Report, as a bare number, how many lines of the entries below contain "PARTITIONING".

• [Stored data]
<<<<
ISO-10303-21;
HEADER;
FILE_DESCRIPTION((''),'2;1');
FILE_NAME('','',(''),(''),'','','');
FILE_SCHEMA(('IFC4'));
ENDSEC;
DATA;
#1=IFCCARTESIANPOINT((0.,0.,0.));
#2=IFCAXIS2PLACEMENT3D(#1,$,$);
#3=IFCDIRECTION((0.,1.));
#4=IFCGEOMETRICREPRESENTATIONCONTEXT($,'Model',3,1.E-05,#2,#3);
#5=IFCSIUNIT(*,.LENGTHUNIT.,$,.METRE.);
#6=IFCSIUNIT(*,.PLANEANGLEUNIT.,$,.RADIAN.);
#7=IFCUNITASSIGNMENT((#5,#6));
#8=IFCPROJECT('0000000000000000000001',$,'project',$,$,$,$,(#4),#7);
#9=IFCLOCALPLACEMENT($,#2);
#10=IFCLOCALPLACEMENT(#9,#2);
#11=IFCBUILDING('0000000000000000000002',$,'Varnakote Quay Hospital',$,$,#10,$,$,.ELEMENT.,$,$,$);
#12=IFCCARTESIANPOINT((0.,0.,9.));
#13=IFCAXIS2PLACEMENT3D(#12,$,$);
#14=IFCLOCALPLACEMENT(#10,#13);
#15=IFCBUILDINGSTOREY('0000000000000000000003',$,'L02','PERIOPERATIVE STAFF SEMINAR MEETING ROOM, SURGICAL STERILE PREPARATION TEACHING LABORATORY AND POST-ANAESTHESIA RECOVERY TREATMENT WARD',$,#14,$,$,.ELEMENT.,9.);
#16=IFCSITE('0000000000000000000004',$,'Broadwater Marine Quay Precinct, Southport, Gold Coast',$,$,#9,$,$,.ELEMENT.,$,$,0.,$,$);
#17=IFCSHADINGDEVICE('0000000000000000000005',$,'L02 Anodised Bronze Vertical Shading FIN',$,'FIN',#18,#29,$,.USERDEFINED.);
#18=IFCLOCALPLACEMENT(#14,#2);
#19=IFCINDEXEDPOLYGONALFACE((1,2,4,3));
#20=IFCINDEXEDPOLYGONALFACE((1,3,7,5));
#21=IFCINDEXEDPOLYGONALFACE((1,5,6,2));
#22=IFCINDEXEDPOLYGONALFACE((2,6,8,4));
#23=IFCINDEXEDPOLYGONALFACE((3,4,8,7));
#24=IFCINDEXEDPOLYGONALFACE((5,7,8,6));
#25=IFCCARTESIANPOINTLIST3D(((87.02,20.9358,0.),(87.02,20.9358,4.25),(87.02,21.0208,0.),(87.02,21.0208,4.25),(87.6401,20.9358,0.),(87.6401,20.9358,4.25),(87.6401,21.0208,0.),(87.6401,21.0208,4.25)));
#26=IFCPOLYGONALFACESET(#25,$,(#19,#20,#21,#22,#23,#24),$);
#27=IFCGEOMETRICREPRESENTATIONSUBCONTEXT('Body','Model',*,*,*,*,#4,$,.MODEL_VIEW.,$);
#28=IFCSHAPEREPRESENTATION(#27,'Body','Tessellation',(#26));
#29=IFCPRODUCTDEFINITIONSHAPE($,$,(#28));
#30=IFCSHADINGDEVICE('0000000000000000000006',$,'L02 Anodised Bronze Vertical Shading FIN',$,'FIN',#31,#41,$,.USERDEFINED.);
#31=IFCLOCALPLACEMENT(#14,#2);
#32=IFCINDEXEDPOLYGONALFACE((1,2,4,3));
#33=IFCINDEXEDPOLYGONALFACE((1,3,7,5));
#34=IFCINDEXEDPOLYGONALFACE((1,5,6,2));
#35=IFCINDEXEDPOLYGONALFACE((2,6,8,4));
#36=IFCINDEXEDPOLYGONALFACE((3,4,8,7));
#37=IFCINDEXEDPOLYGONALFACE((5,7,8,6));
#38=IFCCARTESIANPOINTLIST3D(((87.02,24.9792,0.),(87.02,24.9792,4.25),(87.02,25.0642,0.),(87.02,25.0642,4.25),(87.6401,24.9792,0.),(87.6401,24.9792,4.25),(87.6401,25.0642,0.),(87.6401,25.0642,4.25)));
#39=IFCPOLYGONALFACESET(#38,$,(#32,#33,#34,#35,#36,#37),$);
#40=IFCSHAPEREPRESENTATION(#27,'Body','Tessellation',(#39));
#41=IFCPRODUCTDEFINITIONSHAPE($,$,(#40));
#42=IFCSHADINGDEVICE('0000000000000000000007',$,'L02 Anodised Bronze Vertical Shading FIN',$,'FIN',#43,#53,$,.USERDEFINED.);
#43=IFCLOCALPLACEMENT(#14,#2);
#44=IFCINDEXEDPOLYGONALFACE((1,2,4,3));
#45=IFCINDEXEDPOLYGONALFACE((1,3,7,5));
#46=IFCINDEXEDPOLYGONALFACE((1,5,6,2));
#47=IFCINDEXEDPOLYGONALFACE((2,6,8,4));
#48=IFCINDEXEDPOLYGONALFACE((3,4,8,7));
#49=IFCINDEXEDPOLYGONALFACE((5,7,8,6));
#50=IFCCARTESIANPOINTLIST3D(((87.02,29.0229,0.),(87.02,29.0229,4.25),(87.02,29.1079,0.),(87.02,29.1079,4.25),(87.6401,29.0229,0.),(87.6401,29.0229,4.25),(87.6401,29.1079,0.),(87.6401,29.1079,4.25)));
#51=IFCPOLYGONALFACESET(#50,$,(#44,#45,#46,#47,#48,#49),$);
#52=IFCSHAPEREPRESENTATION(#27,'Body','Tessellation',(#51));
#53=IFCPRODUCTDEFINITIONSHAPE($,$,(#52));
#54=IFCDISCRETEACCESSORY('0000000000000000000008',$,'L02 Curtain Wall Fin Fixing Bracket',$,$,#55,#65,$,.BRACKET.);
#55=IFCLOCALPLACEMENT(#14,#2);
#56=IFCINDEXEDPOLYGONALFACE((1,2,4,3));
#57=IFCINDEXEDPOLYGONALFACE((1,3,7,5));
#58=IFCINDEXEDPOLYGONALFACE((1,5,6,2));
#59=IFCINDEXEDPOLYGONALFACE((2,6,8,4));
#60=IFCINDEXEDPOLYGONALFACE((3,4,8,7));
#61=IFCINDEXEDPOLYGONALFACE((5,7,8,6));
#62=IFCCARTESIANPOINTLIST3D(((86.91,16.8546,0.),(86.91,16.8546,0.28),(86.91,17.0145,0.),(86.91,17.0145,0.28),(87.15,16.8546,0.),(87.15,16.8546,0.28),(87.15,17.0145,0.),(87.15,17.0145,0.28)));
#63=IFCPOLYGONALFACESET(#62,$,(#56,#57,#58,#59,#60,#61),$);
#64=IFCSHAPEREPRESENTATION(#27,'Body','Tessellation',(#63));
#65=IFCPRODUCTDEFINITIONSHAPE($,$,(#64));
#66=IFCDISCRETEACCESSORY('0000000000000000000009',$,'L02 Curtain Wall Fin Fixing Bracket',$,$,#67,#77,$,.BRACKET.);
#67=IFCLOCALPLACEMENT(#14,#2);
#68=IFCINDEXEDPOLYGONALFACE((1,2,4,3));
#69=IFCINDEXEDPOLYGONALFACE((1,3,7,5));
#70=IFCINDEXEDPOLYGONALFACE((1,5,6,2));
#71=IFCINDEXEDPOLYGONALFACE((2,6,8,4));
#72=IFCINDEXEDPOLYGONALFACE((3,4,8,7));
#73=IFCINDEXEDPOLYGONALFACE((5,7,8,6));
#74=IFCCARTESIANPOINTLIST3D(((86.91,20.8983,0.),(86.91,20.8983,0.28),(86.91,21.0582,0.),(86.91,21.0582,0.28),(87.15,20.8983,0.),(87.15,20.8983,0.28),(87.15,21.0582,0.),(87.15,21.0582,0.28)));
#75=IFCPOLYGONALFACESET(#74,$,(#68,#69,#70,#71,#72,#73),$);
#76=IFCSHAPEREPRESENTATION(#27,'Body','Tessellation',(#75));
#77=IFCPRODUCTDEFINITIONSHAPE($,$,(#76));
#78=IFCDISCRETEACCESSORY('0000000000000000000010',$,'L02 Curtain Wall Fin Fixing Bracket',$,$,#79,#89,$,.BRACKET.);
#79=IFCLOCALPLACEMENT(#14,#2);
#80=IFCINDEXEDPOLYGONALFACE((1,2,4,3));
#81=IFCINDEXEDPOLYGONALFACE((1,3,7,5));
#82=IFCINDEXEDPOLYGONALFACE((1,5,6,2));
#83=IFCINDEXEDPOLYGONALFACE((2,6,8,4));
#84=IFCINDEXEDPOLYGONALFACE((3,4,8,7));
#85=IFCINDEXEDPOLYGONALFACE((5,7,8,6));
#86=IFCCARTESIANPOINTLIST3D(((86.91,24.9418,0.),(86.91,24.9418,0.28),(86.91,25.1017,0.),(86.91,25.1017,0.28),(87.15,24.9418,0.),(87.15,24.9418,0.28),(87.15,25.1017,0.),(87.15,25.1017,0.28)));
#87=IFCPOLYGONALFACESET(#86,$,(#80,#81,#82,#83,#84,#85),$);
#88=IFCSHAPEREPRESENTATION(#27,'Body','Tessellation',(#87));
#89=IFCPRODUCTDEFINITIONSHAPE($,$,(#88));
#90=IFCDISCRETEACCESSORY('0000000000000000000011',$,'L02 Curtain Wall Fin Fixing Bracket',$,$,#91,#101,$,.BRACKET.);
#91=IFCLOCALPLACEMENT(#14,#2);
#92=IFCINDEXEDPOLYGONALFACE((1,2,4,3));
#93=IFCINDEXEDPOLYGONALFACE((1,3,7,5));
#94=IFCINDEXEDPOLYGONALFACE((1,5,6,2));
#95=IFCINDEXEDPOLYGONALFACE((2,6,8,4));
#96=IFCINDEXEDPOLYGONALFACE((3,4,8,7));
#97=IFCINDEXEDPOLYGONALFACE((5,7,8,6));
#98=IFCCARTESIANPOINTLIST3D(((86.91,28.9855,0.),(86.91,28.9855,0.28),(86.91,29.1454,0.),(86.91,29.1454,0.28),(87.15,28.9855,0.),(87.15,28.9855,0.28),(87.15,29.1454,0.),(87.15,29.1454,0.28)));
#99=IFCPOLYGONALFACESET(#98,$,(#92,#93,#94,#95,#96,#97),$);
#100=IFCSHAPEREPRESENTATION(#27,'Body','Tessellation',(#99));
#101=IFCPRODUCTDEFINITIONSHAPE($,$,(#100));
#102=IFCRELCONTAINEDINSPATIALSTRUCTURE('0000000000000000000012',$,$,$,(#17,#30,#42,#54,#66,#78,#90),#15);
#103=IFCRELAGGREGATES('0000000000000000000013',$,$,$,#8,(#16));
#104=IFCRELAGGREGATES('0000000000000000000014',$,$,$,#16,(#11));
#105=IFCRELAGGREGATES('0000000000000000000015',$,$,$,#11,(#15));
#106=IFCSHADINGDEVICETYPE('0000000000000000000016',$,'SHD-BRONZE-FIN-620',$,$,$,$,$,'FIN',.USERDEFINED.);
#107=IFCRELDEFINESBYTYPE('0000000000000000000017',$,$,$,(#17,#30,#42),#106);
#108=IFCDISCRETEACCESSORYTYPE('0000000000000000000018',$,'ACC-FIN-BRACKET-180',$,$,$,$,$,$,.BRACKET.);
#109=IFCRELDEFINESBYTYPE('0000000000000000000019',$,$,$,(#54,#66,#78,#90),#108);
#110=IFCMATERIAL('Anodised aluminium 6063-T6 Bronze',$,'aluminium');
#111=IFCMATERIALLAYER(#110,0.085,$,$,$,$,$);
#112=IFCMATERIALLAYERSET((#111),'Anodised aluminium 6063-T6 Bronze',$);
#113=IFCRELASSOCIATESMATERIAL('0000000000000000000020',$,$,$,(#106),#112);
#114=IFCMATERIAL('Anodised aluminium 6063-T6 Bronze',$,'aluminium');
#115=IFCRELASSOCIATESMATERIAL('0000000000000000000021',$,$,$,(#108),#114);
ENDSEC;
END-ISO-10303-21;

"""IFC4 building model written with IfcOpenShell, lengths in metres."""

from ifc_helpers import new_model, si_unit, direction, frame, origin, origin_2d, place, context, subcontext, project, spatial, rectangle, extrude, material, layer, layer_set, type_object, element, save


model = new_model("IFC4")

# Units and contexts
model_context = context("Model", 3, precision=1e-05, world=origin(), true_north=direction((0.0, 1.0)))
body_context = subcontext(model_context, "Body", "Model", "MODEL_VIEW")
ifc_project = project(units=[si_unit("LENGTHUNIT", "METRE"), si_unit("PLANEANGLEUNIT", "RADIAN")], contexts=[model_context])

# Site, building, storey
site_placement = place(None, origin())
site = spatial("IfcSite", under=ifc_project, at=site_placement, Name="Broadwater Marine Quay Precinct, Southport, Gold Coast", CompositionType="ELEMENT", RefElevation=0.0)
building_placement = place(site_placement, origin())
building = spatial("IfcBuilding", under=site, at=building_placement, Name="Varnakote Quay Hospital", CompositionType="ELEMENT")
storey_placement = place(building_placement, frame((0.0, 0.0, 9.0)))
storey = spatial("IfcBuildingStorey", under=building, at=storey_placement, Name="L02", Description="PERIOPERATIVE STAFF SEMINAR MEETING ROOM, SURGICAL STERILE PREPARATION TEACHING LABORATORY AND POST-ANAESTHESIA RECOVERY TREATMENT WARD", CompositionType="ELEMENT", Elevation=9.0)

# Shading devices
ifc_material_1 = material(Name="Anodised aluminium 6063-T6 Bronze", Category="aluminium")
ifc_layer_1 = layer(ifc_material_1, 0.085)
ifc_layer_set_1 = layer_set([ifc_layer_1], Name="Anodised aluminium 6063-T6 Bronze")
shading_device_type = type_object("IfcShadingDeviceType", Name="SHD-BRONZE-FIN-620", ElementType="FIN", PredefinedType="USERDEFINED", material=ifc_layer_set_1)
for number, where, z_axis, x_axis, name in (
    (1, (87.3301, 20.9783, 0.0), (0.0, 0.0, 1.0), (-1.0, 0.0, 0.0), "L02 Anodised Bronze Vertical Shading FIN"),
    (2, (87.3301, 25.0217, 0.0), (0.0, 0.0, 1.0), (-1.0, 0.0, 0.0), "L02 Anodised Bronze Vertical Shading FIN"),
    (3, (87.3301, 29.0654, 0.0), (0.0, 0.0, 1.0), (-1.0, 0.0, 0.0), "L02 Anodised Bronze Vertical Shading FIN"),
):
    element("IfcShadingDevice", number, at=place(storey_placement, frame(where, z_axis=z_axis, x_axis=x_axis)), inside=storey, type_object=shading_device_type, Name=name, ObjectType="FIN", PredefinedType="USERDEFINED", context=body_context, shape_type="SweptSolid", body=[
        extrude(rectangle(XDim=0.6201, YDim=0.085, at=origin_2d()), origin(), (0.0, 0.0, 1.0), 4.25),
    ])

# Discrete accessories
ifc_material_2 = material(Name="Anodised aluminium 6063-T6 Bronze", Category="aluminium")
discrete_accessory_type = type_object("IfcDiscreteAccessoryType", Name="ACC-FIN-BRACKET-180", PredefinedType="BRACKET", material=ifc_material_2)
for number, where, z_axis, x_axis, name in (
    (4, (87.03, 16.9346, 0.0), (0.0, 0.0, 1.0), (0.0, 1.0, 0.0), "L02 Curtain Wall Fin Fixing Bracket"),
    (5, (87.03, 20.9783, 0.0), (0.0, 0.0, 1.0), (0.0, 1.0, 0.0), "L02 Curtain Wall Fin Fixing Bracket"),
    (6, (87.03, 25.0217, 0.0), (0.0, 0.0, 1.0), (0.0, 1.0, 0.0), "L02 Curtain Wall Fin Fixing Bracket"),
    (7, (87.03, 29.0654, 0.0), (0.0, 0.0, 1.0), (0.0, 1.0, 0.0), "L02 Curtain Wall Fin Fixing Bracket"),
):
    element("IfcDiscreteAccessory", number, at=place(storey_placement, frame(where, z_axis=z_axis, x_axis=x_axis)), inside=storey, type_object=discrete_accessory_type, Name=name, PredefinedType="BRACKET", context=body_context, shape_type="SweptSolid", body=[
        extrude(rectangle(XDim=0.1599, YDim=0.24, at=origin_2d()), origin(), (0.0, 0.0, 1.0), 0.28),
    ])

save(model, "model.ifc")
>>>>
<<<<
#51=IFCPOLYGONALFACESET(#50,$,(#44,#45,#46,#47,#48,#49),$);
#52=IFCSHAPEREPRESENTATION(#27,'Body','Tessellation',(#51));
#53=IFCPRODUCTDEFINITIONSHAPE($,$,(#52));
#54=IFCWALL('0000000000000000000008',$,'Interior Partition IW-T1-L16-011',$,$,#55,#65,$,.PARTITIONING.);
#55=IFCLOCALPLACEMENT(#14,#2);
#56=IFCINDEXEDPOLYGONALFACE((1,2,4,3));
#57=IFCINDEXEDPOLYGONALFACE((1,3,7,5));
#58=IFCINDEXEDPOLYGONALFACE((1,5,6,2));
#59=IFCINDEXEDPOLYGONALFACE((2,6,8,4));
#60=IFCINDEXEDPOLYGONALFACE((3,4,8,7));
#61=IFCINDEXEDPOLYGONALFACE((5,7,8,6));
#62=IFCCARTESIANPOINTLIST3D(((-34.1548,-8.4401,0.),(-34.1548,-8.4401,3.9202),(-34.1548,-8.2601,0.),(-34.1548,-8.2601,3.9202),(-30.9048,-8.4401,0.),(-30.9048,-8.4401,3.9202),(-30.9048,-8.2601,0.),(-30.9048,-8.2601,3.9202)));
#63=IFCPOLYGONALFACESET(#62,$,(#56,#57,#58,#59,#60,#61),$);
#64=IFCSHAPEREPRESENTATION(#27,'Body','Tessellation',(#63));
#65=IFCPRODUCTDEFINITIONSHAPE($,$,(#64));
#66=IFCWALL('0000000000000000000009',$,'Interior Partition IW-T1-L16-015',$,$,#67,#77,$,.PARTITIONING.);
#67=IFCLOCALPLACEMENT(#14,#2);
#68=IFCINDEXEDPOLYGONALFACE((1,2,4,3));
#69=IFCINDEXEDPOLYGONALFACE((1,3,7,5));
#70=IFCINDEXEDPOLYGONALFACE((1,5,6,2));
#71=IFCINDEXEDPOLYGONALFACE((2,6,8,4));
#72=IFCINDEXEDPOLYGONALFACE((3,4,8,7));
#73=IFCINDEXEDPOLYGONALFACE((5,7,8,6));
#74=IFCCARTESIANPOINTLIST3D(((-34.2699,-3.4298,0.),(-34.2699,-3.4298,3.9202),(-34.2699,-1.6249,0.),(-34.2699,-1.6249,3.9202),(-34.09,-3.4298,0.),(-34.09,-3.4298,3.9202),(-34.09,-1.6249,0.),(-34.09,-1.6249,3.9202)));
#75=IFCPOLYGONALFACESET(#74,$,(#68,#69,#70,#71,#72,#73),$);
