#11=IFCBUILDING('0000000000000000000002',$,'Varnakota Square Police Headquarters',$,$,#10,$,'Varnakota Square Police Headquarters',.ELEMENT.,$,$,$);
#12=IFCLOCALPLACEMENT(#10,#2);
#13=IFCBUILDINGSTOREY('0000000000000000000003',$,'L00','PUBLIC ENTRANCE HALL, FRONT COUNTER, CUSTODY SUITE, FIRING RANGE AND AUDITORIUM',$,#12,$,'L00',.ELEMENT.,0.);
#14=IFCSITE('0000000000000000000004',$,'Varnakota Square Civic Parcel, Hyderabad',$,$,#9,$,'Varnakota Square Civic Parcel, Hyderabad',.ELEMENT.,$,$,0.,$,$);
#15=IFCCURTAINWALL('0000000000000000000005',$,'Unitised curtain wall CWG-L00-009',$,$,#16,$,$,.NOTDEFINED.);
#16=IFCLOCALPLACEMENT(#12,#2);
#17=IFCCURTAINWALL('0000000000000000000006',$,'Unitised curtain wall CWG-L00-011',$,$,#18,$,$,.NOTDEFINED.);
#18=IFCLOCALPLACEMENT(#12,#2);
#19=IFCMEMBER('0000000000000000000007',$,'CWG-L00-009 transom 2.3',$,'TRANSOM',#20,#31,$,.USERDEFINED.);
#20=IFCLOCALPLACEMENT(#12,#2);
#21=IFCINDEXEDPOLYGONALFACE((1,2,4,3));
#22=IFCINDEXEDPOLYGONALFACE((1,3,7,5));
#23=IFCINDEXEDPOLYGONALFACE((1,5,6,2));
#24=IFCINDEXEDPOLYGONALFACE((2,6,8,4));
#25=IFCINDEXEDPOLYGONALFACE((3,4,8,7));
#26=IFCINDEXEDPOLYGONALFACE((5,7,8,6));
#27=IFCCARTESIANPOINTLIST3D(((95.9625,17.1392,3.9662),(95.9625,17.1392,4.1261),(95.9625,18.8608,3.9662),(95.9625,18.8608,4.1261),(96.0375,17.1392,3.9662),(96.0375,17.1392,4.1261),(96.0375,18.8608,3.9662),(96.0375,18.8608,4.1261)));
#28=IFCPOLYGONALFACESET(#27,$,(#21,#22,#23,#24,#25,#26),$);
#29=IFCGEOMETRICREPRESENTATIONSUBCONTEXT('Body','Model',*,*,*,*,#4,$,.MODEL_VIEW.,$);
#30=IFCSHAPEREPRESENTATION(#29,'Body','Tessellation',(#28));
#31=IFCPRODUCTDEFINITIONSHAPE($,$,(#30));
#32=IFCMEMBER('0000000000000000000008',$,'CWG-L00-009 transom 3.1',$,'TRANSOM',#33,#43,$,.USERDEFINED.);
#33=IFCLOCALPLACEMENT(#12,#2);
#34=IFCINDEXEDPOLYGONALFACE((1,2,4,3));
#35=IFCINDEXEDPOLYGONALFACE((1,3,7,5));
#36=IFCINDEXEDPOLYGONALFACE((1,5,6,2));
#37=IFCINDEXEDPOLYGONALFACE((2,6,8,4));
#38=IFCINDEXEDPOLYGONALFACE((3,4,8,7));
>>>>
• [ANSWER] 2